What is expected: The records follow. Print, word for word, the first line through the "building model written" line.

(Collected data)
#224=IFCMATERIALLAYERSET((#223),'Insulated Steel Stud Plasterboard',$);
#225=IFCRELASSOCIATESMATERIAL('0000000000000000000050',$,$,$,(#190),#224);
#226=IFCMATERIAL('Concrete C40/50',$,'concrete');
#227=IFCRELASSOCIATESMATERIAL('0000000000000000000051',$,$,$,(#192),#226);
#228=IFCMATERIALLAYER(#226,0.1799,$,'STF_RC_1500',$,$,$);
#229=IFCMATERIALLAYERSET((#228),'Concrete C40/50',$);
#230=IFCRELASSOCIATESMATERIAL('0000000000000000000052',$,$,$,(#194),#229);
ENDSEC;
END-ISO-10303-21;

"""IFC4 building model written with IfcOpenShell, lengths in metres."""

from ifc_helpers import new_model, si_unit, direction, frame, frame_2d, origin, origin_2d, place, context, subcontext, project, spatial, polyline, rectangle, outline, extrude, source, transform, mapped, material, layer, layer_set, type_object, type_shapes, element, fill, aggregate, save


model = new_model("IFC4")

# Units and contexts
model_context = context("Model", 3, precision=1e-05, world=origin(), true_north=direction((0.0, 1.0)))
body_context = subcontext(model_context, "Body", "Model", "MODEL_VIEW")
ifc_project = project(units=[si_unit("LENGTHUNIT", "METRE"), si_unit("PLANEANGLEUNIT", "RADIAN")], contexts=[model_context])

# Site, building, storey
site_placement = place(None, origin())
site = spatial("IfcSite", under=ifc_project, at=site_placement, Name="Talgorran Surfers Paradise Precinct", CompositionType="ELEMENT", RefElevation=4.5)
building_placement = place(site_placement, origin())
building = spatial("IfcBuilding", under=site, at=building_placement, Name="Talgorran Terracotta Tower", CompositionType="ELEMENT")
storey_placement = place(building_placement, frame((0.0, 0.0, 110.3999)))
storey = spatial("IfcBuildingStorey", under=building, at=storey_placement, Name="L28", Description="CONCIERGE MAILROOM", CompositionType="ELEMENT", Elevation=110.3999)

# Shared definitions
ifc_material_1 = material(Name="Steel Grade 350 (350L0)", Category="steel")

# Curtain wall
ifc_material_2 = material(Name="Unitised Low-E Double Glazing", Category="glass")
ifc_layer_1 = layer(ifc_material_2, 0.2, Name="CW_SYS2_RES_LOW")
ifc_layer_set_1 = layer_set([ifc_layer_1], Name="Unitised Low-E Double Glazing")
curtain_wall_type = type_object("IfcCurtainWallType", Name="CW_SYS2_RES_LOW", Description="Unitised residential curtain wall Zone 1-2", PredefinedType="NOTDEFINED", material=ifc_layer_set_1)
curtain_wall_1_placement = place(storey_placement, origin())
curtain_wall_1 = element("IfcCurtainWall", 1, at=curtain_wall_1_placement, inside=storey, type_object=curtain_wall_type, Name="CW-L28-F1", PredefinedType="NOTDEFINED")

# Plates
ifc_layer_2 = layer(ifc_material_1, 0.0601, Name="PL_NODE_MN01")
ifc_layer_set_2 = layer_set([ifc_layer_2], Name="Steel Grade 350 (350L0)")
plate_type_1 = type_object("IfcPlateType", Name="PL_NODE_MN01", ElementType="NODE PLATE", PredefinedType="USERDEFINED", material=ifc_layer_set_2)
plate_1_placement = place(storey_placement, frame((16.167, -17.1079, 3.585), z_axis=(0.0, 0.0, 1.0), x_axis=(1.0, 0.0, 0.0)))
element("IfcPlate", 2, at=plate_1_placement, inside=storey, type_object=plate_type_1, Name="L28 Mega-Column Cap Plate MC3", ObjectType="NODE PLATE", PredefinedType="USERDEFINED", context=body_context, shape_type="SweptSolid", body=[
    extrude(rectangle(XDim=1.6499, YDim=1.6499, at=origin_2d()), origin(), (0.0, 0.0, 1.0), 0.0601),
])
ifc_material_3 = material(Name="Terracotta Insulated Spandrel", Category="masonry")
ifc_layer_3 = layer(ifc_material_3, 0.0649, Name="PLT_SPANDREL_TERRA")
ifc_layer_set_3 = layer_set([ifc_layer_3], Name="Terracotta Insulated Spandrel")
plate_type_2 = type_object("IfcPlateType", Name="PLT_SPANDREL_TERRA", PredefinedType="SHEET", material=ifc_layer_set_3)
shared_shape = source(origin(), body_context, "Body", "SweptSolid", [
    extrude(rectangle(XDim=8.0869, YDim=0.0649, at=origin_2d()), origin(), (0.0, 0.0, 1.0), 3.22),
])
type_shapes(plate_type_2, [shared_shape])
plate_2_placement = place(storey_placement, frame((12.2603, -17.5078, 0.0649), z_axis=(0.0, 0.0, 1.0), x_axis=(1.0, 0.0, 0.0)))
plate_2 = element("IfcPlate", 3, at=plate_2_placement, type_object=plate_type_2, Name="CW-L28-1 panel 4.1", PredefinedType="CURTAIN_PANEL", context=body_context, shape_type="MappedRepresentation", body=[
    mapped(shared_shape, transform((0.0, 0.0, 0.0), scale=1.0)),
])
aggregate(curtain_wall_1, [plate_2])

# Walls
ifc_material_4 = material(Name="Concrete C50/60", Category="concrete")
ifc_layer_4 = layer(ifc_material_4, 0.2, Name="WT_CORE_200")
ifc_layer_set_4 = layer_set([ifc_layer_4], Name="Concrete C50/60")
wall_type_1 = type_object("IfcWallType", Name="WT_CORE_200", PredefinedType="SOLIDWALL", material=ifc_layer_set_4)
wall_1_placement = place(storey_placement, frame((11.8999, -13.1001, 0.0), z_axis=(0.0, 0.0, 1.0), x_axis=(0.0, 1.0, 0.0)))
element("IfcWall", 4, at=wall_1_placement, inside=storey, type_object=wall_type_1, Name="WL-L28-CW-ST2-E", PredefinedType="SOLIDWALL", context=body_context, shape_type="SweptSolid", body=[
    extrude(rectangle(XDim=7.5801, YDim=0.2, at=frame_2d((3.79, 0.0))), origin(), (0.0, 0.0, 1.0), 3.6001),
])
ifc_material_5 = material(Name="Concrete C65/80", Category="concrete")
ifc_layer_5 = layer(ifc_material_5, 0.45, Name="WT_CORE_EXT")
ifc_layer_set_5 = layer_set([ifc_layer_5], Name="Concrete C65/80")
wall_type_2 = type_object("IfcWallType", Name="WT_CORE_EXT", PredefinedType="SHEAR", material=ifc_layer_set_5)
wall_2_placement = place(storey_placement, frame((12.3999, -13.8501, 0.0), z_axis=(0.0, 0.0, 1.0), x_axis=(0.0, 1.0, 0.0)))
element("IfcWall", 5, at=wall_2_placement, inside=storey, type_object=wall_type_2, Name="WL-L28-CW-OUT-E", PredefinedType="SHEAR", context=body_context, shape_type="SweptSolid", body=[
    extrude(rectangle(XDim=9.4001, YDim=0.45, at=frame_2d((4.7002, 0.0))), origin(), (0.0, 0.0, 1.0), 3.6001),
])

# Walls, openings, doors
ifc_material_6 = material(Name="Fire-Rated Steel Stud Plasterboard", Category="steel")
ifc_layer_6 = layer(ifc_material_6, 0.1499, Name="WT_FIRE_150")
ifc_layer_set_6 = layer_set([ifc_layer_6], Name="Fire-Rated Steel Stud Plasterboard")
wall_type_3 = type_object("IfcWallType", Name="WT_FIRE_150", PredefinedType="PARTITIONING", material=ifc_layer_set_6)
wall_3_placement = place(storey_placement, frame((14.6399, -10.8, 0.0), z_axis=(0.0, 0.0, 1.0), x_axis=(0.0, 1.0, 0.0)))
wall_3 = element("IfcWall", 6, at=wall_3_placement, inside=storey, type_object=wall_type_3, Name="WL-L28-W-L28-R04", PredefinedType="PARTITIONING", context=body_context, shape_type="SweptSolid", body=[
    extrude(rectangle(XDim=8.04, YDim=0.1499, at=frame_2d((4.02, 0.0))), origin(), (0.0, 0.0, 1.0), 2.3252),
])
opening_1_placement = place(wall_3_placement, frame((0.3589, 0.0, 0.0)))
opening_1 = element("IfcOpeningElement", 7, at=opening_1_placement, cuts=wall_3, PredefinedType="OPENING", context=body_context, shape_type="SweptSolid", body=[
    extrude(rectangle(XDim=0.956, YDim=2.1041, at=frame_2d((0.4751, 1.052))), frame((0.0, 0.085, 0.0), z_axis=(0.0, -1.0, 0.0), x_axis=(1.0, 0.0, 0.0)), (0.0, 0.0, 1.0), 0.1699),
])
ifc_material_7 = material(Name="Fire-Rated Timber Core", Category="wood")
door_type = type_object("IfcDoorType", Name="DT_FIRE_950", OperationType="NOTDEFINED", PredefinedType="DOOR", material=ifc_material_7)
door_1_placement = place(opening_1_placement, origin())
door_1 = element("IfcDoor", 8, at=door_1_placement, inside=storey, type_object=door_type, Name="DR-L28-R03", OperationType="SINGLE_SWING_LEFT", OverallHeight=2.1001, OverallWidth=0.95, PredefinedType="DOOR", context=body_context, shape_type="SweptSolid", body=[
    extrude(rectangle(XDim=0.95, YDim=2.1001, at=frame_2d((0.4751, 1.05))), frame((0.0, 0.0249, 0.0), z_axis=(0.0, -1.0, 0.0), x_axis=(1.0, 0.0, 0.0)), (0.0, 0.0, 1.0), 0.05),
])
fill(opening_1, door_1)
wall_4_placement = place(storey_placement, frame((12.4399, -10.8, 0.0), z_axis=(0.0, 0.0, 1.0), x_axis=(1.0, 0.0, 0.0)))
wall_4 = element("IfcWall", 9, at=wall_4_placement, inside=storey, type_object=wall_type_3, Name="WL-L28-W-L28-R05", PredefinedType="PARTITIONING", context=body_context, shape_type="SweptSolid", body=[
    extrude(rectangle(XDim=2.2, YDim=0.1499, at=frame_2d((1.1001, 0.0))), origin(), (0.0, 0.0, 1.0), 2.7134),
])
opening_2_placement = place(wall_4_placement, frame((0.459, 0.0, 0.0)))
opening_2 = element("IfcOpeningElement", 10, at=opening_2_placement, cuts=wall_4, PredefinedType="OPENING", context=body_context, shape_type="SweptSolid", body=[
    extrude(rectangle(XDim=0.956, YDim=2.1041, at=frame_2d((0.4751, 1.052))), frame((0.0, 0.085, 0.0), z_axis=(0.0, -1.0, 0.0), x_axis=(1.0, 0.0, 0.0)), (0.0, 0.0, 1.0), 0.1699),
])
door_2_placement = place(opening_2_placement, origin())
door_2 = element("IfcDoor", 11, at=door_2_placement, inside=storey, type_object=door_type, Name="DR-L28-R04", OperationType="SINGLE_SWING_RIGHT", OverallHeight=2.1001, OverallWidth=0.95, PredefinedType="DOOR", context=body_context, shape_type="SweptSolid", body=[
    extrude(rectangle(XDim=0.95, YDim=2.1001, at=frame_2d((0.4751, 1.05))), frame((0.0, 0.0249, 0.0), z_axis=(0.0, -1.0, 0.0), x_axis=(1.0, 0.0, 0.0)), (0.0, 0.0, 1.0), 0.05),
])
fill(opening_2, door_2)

Finished task:
#224=IFCMATERIALLAYERSET((#223),'Insulated Steel Stud Plasterboard',$);
#225=IFCRELASSOCIATESMATERIAL('0000000000000000000050',$,$,$,(#190),#224);
#226=IFCMATERIAL('Concrete C40/50',$,'concrete');
#227=IFCRELASSOCIATESMATERIAL('0000000000000000000051',$,$,$,(#192),#226);
#228=IFCMATERIALLAYER(#226,0.1799,$,'STF_RC_1500',$,$,$);
#229=IFCMATERIALLAYERSET((#228),'Concrete C40/50',$);
#230=IFCRELASSOCIATESMATERIAL('0000000000000000000052',$,$,$,(#194),#229);
ENDSEC;
END-ISO-10303-21;

"""IFC4 building model written with IfcOpenShell, lengths in metres."""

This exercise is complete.